All lines containing the string "partition" must be copied from the entries.

Source material:
________________

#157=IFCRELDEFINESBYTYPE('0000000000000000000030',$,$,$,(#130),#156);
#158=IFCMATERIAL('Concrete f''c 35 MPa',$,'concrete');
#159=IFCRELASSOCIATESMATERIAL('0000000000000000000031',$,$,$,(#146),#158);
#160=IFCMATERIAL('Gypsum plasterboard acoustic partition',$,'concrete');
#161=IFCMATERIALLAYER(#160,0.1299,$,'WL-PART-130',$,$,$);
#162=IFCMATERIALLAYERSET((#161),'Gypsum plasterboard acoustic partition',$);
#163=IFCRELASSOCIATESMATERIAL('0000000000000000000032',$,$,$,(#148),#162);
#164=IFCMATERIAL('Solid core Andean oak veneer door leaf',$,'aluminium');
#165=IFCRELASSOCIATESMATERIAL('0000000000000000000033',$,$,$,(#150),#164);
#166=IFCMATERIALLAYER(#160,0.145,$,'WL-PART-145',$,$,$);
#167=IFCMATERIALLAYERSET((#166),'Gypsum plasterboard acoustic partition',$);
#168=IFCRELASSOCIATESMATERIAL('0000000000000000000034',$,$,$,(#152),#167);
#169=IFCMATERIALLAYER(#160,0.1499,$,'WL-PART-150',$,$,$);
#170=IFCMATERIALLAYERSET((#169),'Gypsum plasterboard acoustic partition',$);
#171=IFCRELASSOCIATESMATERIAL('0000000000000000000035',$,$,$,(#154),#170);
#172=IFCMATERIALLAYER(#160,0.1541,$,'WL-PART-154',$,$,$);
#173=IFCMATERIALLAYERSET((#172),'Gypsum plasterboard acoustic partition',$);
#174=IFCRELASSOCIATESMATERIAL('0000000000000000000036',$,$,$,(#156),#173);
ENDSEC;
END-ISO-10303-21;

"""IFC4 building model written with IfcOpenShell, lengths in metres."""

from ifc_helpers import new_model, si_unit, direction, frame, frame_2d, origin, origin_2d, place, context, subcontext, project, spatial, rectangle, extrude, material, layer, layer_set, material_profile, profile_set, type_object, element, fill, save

________________

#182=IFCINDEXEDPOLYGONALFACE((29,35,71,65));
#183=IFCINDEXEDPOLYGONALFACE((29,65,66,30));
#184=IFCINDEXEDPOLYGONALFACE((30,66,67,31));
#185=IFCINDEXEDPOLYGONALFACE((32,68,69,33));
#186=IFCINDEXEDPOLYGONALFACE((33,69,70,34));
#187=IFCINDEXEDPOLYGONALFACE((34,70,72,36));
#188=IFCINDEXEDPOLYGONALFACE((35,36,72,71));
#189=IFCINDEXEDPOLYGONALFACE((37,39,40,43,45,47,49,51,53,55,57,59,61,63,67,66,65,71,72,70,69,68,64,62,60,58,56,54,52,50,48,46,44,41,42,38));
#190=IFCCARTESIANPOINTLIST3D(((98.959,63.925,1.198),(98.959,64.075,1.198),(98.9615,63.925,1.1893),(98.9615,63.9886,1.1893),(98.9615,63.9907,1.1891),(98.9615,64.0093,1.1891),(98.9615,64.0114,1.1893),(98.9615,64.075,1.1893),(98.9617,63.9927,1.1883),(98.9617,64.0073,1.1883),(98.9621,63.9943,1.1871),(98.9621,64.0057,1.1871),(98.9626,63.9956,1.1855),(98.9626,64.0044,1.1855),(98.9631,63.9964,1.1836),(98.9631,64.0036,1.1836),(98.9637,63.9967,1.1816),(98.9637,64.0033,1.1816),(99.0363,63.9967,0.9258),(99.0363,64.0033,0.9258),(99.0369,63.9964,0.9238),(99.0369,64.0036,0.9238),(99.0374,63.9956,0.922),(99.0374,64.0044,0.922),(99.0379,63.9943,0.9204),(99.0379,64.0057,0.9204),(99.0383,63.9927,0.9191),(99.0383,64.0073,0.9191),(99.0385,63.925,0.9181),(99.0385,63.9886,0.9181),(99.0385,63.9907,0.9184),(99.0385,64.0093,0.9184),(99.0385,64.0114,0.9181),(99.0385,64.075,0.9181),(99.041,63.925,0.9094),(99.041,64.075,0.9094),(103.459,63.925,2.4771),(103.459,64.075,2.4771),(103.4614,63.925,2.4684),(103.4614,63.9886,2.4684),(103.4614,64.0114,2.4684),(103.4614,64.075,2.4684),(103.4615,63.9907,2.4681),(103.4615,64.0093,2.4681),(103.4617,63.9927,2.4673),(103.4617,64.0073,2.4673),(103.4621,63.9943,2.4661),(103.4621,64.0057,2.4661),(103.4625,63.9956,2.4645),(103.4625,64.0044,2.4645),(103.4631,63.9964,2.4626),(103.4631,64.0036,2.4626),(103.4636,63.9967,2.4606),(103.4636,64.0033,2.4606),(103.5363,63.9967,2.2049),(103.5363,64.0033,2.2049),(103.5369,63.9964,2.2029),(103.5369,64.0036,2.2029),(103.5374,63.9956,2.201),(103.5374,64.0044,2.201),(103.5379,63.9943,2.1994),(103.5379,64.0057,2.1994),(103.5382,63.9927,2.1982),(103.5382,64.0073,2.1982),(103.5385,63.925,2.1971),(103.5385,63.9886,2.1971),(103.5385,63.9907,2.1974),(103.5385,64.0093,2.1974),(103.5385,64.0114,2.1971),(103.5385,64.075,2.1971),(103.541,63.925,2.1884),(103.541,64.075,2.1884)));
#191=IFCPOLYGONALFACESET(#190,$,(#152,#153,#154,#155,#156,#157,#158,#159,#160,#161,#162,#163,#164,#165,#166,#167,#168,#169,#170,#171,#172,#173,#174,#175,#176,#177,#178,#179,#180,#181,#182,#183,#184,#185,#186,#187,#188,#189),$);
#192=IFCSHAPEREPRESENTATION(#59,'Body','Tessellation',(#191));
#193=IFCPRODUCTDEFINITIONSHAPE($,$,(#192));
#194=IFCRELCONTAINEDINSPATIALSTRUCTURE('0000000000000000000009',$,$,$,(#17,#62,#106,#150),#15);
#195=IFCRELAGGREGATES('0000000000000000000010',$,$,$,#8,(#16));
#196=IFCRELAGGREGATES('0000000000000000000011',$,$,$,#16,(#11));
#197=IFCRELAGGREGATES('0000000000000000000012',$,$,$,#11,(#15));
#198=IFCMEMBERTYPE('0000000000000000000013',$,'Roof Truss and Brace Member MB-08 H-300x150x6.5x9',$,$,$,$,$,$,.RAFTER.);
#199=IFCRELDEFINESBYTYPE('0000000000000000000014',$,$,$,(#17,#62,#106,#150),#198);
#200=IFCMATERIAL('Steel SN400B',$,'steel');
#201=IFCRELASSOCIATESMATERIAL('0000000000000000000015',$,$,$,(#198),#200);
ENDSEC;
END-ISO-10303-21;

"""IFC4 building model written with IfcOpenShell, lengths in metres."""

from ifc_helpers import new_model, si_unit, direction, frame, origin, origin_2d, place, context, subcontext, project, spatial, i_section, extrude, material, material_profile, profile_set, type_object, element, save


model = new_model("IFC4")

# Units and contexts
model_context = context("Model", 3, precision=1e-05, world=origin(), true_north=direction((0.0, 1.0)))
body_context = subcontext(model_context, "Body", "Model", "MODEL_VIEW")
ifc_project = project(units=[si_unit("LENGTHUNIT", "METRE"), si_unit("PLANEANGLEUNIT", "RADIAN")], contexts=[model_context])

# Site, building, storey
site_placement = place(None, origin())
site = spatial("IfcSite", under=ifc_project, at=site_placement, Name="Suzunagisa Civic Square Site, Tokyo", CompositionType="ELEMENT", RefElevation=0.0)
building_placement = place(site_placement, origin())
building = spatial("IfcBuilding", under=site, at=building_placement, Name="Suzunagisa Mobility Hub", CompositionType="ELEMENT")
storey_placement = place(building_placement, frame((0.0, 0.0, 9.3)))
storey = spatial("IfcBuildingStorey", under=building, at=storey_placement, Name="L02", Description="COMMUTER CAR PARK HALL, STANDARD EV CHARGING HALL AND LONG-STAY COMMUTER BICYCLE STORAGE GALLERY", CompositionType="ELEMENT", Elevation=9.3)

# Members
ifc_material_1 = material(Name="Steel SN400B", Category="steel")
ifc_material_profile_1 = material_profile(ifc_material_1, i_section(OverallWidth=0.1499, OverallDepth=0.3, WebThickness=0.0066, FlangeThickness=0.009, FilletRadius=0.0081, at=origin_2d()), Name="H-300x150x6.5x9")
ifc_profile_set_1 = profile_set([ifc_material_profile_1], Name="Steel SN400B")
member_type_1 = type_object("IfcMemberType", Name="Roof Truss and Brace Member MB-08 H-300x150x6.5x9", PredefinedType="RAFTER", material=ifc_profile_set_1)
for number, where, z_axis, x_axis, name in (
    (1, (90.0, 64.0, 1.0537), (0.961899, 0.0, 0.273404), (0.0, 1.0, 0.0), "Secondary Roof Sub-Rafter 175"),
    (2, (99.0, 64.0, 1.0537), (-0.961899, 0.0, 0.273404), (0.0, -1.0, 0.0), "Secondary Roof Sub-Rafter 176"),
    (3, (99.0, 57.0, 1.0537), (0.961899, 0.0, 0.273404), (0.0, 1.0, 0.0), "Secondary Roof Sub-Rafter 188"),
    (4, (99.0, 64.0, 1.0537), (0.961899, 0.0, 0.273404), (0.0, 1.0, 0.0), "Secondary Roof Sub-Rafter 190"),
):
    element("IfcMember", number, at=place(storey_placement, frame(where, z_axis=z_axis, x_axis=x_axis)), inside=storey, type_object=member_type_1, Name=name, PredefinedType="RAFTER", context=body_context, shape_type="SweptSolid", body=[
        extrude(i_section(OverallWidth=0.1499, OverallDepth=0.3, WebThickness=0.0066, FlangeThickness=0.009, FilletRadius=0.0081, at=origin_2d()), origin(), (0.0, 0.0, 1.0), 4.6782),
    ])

________________

Exercise solution:
#160=IFCMATERIAL('Gypsum plasterboard acoustic partition',$,'concrete');
#162=IFCMATERIALLAYERSET((#161),'Gypsum plasterboard acoustic partition',$);
#167=IFCMATERIALLAYERSET((#166),'Gypsum plasterboard acoustic partition',$);
#170=IFCMATERIALLAYERSET((#169),'Gypsum plasterboard acoustic partition',$);
#173=IFCMATERIALLAYERSET((#172),'Gypsum plasterboard acoustic partition',$);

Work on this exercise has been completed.